------ Records supplied

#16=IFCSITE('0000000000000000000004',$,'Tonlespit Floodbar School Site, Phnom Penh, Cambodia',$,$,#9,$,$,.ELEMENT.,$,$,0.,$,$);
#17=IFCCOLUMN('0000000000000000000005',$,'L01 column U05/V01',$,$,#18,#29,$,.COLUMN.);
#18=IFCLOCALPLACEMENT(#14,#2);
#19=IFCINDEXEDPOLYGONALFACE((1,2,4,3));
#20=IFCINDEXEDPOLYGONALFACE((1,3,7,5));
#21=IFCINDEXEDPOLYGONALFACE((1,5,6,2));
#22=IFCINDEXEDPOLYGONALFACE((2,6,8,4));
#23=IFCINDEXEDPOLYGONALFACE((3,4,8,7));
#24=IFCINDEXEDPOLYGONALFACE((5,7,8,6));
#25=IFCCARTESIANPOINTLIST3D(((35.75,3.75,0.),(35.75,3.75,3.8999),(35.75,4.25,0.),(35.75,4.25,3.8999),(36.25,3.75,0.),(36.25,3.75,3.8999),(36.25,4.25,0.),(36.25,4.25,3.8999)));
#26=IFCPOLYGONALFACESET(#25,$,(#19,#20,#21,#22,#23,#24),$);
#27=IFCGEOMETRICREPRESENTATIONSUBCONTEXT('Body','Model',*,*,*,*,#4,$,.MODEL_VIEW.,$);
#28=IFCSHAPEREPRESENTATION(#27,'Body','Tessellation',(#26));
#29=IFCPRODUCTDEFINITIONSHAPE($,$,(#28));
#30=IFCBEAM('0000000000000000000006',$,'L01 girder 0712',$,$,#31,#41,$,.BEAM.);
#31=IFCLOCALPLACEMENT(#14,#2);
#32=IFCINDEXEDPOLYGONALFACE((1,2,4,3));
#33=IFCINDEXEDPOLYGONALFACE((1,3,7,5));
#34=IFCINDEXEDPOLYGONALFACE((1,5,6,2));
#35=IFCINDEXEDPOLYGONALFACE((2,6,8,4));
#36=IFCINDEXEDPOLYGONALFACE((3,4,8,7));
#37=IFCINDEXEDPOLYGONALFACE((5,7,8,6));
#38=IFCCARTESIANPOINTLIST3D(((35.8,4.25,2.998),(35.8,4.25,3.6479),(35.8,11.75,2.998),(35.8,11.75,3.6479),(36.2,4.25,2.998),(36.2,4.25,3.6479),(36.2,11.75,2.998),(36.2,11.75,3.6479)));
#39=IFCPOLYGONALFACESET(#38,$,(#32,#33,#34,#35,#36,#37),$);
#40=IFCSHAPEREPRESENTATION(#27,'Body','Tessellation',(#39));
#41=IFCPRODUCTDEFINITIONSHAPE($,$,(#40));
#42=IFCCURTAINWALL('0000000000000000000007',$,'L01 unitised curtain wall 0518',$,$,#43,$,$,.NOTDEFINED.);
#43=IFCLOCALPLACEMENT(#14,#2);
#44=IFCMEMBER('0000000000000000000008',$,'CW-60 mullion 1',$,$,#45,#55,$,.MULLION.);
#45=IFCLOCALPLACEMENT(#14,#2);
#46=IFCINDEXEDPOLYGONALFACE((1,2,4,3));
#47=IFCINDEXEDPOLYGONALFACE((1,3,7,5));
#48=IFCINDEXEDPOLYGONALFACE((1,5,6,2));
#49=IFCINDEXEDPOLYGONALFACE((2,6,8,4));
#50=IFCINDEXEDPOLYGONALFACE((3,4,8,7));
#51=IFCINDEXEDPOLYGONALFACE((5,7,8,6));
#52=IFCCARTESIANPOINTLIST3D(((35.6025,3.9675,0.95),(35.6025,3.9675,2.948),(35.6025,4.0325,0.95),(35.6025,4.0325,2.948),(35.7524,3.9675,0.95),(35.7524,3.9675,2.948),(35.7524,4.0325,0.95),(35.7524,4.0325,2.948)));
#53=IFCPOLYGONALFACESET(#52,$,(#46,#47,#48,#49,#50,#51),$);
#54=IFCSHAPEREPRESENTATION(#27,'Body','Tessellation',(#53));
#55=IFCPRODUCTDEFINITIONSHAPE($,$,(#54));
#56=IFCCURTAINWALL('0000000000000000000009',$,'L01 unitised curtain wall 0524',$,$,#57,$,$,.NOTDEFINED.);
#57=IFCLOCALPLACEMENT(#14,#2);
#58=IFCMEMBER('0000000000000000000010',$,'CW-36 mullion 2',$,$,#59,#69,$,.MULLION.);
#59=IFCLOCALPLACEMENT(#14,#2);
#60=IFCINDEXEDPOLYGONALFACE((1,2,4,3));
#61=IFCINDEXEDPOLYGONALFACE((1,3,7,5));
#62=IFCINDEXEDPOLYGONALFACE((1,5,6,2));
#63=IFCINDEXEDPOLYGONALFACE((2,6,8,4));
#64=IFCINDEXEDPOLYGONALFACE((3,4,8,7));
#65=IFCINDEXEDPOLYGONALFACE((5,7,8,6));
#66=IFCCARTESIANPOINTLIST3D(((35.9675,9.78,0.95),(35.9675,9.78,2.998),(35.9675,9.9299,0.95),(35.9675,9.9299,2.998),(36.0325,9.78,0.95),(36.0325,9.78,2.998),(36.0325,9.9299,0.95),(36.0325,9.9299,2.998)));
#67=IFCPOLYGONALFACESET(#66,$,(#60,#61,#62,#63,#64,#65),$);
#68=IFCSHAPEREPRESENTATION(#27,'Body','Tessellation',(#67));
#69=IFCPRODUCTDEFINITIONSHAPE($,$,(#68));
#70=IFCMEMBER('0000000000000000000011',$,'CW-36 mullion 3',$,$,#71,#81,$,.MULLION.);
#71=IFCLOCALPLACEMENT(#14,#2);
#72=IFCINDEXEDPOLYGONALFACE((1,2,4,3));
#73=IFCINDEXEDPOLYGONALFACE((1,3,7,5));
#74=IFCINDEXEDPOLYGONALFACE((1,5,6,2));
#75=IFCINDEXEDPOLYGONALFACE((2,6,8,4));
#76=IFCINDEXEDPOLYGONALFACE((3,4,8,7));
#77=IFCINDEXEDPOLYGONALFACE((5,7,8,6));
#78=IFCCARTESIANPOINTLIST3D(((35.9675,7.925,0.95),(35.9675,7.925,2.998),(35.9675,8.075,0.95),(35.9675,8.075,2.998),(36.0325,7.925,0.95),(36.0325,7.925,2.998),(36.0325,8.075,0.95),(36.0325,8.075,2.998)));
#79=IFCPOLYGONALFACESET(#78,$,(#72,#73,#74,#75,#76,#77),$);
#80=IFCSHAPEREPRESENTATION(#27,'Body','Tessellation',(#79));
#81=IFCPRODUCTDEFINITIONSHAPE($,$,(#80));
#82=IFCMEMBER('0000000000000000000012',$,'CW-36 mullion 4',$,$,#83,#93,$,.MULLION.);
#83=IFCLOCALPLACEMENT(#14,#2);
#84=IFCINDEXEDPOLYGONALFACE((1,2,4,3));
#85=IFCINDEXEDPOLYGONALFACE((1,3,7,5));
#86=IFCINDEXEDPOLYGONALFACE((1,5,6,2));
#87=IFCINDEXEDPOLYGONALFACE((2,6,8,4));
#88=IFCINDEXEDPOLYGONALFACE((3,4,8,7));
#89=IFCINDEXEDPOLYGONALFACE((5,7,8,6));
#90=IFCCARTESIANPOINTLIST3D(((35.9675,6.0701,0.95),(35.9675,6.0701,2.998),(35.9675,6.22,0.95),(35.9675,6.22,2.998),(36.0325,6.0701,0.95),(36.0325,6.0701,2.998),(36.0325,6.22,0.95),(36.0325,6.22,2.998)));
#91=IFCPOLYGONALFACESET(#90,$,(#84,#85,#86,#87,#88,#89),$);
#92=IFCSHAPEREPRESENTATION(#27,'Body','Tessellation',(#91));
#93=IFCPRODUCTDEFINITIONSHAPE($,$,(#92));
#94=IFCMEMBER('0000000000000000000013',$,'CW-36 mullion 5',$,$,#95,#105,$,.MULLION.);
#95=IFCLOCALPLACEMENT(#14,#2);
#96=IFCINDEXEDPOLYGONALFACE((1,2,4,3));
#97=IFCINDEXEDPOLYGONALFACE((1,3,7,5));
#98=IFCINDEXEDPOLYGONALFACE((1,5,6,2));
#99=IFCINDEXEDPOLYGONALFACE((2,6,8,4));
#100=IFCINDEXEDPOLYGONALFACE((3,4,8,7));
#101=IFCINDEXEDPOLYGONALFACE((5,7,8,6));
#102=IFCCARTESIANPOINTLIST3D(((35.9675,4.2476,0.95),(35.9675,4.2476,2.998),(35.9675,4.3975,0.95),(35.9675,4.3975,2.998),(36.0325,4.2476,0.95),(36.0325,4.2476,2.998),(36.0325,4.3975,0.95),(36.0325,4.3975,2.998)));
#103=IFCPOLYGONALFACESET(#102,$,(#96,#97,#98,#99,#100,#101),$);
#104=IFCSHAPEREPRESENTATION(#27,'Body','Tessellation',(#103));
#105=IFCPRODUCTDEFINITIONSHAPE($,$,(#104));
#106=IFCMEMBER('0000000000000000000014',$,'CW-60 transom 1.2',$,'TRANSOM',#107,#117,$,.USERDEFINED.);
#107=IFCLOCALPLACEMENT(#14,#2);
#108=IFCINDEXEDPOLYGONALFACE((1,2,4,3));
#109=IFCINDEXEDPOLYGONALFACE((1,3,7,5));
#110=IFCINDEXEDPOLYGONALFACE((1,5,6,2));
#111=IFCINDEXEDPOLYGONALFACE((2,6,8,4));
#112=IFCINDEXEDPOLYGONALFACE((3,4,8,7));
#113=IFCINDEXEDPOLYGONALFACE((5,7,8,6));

------------

**Required work:** From the entries, copy every line in which the string "IFCCURTAINWALL" can be found.

**Answer below:**
#42=IFCCURTAINWALL('0000000000000000000007',$,'L01 unitised curtain wall 0518',$,$,#43,$,$,.NOTDEFINED.);
#56=IFCCURTAINWALL('0000000000000000000009',$,'L01 unitised curtain wall 0524',$,$,#57,$,$,.NOTDEFINED.);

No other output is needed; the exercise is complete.